**INFORMATION SUPPLIED**
• • • • • • •

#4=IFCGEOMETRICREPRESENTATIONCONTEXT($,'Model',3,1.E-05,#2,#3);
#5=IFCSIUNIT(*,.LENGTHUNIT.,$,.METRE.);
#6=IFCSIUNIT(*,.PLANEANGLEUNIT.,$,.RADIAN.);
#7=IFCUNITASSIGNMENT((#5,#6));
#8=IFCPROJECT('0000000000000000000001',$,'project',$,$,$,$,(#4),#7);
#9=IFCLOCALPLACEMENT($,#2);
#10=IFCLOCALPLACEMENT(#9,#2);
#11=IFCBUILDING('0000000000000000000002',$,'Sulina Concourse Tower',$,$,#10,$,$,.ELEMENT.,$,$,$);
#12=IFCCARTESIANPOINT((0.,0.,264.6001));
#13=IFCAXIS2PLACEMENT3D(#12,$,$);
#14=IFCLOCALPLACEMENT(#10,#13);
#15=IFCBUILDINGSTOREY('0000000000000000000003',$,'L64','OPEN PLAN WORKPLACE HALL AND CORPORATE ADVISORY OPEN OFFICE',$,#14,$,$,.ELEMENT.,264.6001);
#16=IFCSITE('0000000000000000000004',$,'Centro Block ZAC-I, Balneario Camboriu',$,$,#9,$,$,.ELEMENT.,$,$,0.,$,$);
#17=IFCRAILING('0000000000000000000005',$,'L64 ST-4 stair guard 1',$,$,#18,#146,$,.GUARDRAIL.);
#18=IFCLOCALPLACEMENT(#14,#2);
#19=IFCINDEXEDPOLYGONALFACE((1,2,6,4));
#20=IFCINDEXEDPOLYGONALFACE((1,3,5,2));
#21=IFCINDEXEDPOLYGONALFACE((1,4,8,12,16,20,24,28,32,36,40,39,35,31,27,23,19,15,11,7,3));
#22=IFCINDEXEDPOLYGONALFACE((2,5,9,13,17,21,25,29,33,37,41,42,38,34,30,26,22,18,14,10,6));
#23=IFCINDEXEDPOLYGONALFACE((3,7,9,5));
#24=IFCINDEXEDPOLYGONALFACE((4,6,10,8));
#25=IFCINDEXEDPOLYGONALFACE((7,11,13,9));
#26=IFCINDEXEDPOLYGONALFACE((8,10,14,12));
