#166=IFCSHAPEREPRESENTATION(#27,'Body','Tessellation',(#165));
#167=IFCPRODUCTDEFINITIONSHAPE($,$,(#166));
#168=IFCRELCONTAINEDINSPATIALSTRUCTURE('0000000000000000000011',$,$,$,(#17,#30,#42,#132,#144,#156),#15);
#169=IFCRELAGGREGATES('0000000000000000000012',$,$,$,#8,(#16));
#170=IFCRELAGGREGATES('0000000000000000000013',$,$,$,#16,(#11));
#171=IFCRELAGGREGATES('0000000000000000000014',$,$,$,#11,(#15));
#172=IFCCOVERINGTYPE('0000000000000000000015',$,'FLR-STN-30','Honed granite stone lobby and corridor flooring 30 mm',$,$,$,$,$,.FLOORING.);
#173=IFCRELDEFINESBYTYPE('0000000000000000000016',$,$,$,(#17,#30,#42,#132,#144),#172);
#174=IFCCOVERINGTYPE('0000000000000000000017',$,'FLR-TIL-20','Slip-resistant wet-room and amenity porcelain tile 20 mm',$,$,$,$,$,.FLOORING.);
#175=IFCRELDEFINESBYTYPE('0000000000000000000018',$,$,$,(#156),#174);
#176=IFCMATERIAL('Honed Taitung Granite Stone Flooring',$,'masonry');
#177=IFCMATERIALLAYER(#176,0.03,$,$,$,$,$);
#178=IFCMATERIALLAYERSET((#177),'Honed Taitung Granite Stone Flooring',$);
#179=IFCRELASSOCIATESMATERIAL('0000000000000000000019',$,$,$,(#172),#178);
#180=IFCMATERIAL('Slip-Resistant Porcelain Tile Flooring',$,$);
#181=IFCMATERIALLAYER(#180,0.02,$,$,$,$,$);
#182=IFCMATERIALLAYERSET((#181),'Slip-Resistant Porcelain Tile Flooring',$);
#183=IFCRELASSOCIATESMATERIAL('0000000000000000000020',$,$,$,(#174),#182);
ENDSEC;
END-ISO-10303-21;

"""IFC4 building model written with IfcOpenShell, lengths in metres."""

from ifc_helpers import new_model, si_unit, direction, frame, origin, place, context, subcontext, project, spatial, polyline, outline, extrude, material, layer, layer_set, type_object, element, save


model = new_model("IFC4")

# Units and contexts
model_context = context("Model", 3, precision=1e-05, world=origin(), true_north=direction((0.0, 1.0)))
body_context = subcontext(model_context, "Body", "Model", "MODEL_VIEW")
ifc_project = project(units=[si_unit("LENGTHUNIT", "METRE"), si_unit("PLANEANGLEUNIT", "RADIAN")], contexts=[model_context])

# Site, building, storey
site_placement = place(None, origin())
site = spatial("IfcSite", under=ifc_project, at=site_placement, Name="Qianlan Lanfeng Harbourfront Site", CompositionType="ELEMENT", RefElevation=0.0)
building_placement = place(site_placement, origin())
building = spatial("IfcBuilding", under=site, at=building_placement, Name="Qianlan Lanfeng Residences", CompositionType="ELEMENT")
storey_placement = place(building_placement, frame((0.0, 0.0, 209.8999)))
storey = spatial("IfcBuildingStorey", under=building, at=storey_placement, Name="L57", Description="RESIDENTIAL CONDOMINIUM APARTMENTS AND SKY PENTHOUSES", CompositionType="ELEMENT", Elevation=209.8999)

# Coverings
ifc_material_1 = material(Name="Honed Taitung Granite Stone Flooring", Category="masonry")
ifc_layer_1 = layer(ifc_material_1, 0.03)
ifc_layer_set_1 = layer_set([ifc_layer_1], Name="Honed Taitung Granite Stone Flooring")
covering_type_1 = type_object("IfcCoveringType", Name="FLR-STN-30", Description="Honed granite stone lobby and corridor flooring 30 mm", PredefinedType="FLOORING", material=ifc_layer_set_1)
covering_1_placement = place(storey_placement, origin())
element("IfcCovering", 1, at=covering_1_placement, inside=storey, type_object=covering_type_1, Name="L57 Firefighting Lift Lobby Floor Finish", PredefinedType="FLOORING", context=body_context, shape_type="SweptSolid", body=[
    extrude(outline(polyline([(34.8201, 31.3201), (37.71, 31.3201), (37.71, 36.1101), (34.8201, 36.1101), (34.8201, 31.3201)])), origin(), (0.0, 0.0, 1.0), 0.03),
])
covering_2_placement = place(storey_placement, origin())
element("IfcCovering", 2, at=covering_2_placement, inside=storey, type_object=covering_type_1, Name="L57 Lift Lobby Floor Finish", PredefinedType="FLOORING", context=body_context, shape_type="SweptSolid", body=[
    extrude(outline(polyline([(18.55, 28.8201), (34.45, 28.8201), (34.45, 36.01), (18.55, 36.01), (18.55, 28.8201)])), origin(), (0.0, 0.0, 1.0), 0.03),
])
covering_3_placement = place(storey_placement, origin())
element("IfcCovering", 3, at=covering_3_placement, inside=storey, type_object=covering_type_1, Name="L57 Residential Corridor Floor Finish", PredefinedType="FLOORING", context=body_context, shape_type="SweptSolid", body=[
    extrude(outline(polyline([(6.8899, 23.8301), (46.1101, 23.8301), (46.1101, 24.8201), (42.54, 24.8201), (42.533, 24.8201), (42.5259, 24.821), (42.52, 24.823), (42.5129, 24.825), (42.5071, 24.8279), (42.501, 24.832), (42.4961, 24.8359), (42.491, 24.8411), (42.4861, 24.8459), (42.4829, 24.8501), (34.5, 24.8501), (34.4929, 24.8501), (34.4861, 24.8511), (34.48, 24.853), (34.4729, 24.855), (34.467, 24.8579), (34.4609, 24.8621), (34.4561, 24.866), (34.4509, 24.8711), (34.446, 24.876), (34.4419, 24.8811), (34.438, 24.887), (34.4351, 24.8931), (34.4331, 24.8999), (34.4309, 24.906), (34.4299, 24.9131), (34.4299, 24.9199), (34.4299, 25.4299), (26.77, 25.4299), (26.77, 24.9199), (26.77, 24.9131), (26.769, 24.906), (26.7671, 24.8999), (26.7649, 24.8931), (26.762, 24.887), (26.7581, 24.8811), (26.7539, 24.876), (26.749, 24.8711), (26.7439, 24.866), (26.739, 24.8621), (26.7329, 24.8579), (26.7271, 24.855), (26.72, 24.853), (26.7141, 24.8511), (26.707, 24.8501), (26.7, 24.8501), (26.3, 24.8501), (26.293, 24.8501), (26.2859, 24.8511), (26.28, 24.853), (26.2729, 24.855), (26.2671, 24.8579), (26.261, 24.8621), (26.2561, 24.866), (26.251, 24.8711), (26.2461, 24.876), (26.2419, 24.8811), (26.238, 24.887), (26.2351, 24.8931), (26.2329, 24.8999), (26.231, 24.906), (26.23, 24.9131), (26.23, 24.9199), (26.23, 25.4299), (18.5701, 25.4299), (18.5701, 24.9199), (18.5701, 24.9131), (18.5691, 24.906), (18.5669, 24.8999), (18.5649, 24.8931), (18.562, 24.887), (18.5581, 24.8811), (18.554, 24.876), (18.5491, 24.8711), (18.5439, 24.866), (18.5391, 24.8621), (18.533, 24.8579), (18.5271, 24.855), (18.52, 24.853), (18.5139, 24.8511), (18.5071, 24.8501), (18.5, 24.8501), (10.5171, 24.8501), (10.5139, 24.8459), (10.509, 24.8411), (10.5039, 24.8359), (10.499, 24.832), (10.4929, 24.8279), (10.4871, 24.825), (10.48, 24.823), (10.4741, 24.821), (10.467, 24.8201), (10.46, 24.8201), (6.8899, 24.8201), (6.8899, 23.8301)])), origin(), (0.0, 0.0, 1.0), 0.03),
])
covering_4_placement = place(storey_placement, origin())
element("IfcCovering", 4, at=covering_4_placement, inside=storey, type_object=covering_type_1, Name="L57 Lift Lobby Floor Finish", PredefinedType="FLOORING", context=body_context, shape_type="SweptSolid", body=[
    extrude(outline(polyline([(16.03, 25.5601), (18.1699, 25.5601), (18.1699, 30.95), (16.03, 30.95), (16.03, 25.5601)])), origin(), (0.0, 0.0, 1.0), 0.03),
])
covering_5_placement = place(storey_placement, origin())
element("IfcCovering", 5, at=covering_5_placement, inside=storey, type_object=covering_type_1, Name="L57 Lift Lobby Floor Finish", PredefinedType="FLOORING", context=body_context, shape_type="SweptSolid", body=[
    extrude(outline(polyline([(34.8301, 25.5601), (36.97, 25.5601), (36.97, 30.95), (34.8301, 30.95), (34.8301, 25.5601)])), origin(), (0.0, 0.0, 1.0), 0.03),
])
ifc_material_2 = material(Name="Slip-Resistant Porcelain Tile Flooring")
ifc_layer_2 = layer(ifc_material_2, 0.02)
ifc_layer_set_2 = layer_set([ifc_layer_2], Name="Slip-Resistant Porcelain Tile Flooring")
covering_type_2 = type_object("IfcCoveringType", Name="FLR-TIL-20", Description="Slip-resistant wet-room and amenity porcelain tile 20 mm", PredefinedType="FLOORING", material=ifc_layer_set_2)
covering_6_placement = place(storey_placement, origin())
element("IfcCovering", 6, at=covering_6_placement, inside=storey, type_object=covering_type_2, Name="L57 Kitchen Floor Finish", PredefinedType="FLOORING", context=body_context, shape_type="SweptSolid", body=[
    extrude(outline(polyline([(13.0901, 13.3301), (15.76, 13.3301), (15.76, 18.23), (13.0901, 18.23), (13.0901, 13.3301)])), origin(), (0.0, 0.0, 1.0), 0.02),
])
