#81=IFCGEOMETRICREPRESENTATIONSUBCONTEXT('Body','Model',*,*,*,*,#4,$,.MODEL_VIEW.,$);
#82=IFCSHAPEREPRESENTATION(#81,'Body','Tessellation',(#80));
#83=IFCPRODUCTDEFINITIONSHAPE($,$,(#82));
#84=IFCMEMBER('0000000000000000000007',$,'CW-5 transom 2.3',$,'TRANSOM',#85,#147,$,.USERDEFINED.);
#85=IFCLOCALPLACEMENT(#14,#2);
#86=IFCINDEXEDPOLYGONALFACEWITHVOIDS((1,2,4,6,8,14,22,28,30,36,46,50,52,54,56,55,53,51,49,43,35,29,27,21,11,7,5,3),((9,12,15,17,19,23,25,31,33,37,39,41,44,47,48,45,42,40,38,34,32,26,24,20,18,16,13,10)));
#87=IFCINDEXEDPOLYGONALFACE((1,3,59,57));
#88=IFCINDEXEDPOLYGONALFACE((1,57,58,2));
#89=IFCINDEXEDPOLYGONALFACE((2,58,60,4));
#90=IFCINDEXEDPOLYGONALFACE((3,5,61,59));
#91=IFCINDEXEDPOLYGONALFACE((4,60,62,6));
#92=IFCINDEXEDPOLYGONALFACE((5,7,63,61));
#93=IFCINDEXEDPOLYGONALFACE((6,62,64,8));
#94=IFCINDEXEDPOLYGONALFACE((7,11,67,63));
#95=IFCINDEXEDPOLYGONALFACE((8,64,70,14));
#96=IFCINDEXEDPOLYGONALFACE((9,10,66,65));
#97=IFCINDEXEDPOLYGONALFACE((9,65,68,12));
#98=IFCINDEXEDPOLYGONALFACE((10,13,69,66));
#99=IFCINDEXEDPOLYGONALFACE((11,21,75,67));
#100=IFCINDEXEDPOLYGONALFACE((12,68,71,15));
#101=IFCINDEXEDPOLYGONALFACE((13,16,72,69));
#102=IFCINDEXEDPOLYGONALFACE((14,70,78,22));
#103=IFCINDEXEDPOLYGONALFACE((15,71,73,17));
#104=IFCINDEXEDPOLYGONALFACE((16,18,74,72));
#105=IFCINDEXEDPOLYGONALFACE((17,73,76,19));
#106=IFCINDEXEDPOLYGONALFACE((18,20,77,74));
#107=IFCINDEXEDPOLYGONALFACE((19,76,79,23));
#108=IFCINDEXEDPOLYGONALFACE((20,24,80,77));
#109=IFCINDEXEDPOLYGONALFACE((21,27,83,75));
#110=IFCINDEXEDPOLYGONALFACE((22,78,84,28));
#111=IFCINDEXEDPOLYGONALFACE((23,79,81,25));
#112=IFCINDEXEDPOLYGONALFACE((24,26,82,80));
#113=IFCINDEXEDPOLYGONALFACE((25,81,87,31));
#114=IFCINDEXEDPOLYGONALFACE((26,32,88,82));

• • • • • • •

Please return exactly the lines from the opening line of the data above through the line with "#12=IFCCARTESIANPOINT((0.,0.,264.6001));", both included and nothing else.

**TASK OUTPUT**
#4=IFCGEOMETRICREPRESENTATIONCONTEXT($,'Model',3,1.E-05,#2,#3);
#5=IFCSIUNIT(*,.LENGTHUNIT.,$,.METRE.);
#6=IFCSIUNIT(*,.PLANEANGLEUNIT.,$,.RADIAN.);
#7=IFCUNITASSIGNMENT((#5,#6));
#8=IFCPROJECT('0000000000000000000001',$,'project',$,$,$,$,(#4),#7);
#9=IFCLOCALPLACEMENT($,#2);
#10=IFCLOCALPLACEMENT(#9,#2);
#11=IFCBUILDING('0000000000000000000002',$,'Sulina Concourse Tower',$,$,#10,$,$,.ELEMENT.,$,$,$);
#12=IFCCARTESIANPOINT((0.,0.,264.6001));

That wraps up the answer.